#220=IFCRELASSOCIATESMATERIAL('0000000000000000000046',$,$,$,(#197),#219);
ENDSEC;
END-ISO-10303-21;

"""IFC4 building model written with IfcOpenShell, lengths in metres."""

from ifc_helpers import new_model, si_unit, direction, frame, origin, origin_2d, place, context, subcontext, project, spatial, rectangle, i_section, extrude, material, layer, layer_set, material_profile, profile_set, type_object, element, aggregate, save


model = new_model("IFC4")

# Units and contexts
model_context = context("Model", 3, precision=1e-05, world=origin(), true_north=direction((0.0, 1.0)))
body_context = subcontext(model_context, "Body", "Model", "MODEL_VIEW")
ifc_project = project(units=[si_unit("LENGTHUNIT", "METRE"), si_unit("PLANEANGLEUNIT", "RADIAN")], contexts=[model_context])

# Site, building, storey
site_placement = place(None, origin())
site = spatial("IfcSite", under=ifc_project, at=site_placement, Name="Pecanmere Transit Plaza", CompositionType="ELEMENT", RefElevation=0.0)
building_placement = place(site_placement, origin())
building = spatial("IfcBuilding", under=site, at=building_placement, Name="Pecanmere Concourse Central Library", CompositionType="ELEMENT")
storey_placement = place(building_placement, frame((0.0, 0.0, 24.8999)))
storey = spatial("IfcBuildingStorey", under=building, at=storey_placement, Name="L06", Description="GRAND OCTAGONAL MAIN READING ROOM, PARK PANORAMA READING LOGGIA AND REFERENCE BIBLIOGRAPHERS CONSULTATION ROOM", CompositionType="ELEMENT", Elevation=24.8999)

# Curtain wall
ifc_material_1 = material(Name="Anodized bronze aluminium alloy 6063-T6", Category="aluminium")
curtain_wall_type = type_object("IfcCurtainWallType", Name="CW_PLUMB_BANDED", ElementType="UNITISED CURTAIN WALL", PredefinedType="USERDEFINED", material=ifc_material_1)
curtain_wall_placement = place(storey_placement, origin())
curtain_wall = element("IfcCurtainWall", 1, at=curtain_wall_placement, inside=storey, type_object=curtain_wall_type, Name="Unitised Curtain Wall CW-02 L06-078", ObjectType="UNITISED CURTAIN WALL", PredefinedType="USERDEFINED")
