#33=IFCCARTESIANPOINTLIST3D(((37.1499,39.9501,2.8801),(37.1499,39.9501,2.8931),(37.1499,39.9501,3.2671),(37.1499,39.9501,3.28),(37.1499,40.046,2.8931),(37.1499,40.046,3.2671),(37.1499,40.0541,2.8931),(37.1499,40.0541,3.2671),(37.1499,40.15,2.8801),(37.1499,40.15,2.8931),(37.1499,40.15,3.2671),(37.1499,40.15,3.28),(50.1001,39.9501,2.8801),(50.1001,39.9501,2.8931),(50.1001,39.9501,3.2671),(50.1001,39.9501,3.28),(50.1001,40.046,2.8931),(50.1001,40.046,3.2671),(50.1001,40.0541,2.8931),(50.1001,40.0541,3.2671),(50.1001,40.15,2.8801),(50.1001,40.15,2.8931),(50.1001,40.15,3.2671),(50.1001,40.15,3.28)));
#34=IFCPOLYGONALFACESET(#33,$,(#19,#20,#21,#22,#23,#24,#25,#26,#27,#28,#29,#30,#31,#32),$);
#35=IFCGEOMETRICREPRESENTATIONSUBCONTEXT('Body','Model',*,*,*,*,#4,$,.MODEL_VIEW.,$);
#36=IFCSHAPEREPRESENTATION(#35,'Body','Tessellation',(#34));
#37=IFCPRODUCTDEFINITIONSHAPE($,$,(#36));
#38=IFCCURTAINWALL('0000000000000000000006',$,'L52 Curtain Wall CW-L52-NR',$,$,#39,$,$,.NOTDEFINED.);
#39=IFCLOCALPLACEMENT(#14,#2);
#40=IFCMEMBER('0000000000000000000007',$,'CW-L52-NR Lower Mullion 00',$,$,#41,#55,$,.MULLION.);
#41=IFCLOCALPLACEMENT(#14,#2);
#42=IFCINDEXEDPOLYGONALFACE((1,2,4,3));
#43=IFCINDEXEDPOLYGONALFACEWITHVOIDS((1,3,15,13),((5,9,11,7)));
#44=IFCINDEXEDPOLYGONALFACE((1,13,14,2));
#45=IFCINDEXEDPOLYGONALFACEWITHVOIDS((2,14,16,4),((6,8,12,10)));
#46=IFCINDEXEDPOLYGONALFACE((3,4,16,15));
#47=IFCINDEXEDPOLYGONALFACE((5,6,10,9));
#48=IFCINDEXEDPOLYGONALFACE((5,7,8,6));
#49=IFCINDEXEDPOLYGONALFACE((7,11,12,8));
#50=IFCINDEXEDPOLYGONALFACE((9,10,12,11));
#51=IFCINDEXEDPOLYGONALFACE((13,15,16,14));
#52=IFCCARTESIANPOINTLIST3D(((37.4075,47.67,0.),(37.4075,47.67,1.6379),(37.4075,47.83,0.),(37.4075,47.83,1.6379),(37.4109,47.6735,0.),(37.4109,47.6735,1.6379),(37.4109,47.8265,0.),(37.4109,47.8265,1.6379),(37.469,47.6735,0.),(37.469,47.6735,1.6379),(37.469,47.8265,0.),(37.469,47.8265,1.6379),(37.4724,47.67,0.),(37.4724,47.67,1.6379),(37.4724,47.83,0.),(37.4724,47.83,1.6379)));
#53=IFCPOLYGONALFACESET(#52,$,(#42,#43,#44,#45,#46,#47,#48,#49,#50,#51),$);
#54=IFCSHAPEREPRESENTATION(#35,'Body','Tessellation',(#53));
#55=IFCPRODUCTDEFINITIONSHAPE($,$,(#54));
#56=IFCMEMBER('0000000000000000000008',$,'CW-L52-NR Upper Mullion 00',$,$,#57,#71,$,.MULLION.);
++++++++
→ Exercise details
Send back every record, precisely as written.

→ Task output
#220=IFCRELASSOCIATESMATERIAL('0000000000000000000046',$,$,$,(#197),#219);
ENDSEC;
END-ISO-10303-21;

"""IFC4 building model written with IfcOpenShell, lengths in metres."""

from ifc_helpers import new_model, si_unit, direction, frame, origin, origin_2d, place, context, subcontext, project, spatial, rectangle, i_section, extrude, material, layer, layer_set, material_profile, profile_set, type_object, element, aggregate, save


model = new_model("IFC4")

# Units and contexts
model_context = context("Model", 3, precision=1e-05, world=origin(), true_north=direction((0.0, 1.0)))
body_context = subcontext(model_context, "Body", "Model", "MODEL_VIEW")
ifc_project = project(units=[si_unit("LENGTHUNIT", "METRE"), si_unit("PLANEANGLEUNIT", "RADIAN")], contexts=[model_context])

# Site, building, storey
site_placement = place(None, origin())
site = spatial("IfcSite", under=ifc_project, at=site_placement, Name="Pecanmere Transit Plaza", CompositionType="ELEMENT", RefElevation=0.0)
building_placement = place(site_placement, origin())
building = spatial("IfcBuilding", under=site, at=building_placement, Name="Pecanmere Concourse Central Library", CompositionType="ELEMENT")
storey_placement = place(building_placement, frame((0.0, 0.0, 24.8999)))
storey = spatial("IfcBuildingStorey", under=building, at=storey_placement, Name="L06", Description="GRAND OCTAGONAL MAIN READING ROOM, PARK PANORAMA READING LOGGIA AND REFERENCE BIBLIOGRAPHERS CONSULTATION ROOM", CompositionType="ELEMENT", Elevation=24.8999)

# Curtain wall
ifc_material_1 = material(Name="Anodized bronze aluminium alloy 6063-T6", Category="aluminium")
curtain_wall_type = type_object("IfcCurtainWallType", Name="CW_PLUMB_BANDED", ElementType="UNITISED CURTAIN WALL", PredefinedType="USERDEFINED", material=ifc_material_1)
curtain_wall_placement = place(storey_placement, origin())
curtain_wall = element("IfcCurtainWall", 1, at=curtain_wall_placement, inside=storey, type_object=curtain_wall_type, Name="Unitised Curtain Wall CW-02 L06-078", ObjectType="UNITISED CURTAIN WALL", PredefinedType="USERDEFINED")
#33=IFCCARTESIANPOINTLIST3D(((37.1499,39.9501,2.8801),(37.1499,39.9501,2.8931),(37.1499,39.9501,3.2671),(37.1499,39.9501,3.28),(37.1499,40.046,2.8931),(37.1499,40.046,3.2671),(37.1499,40.0541,2.8931),(37.1499,40.0541,3.2671),(37.1499,40.15,2.8801),(37.1499,40.15,2.8931),(37.1499,40.15,3.2671),(37.1499,40.15,3.28),(50.1001,39.9501,2.8801),(50.1001,39.9501,2.8931),(50.1001,39.9501,3.2671),(50.1001,39.9501,3.28),(50.1001,40.046,2.8931),(50.1001,40.046,3.2671),(50.1001,40.0541,2.8931),(50.1001,40.0541,3.2671),(50.1001,40.15,2.8801),(50.1001,40.15,2.8931),(50.1001,40.15,3.2671),(50.1001,40.15,3.28)));
#34=IFCPOLYGONALFACESET(#33,$,(#19,#20,#21,#22,#23,#24,#25,#26,#27,#28,#29,#30,#31,#32),$);
#35=IFCGEOMETRICREPRESENTATIONSUBCONTEXT('Body','Model',*,*,*,*,#4,$,.MODEL_VIEW.,$);
#36=IFCSHAPEREPRESENTATION(#35,'Body','Tessellation',(#34));
#37=IFCPRODUCTDEFINITIONSHAPE($,$,(#36));
#38=IFCCURTAINWALL('0000000000000000000006',$,'L52 Curtain Wall CW-L52-NR',$,$,#39,$,$,.NOTDEFINED.);
#39=IFCLOCALPLACEMENT(#14,#2);
#40=IFCMEMBER('0000000000000000000007',$,'CW-L52-NR Lower Mullion 00',$,$,#41,#55,$,.MULLION.);
#41=IFCLOCALPLACEMENT(#14,#2);
#42=IFCINDEXEDPOLYGONALFACE((1,2,4,3));
#43=IFCINDEXEDPOLYGONALFACEWITHVOIDS((1,3,15,13),((5,9,11,7)));
#44=IFCINDEXEDPOLYGONALFACE((1,13,14,2));
#45=IFCINDEXEDPOLYGONALFACEWITHVOIDS((2,14,16,4),((6,8,12,10)));
#46=IFCINDEXEDPOLYGONALFACE((3,4,16,15));
#47=IFCINDEXEDPOLYGONALFACE((5,6,10,9));
#48=IFCINDEXEDPOLYGONALFACE((5,7,8,6));
#49=IFCINDEXEDPOLYGONALFACE((7,11,12,8));
#50=IFCINDEXEDPOLYGONALFACE((9,10,12,11));
#51=IFCINDEXEDPOLYGONALFACE((13,15,16,14));
#52=IFCCARTESIANPOINTLIST3D(((37.4075,47.67,0.),(37.4075,47.67,1.6379),(37.4075,47.83,0.),(37.4075,47.83,1.6379),(37.4109,47.6735,0.),(37.4109,47.6735,1.6379),(37.4109,47.8265,0.),(37.4109,47.8265,1.6379),(37.469,47.6735,0.),(37.469,47.6735,1.6379),(37.469,47.8265,0.),(37.469,47.8265,1.6379),(37.4724,47.67,0.),(37.4724,47.67,1.6379),(37.4724,47.83,0.),(37.4724,47.83,1.6379)));
#53=IFCPOLYGONALFACESET(#52,$,(#42,#43,#44,#45,#46,#47,#48,#49,#50,#51),$);
#54=IFCSHAPEREPRESENTATION(#35,'Body','Tessellation',(#53));
#55=IFCPRODUCTDEFINITIONSHAPE($,$,(#54));
#56=IFCMEMBER('0000000000000000000008',$,'CW-L52-NR Upper Mullion 00',$,$,#57,#71,$,.MULLION.);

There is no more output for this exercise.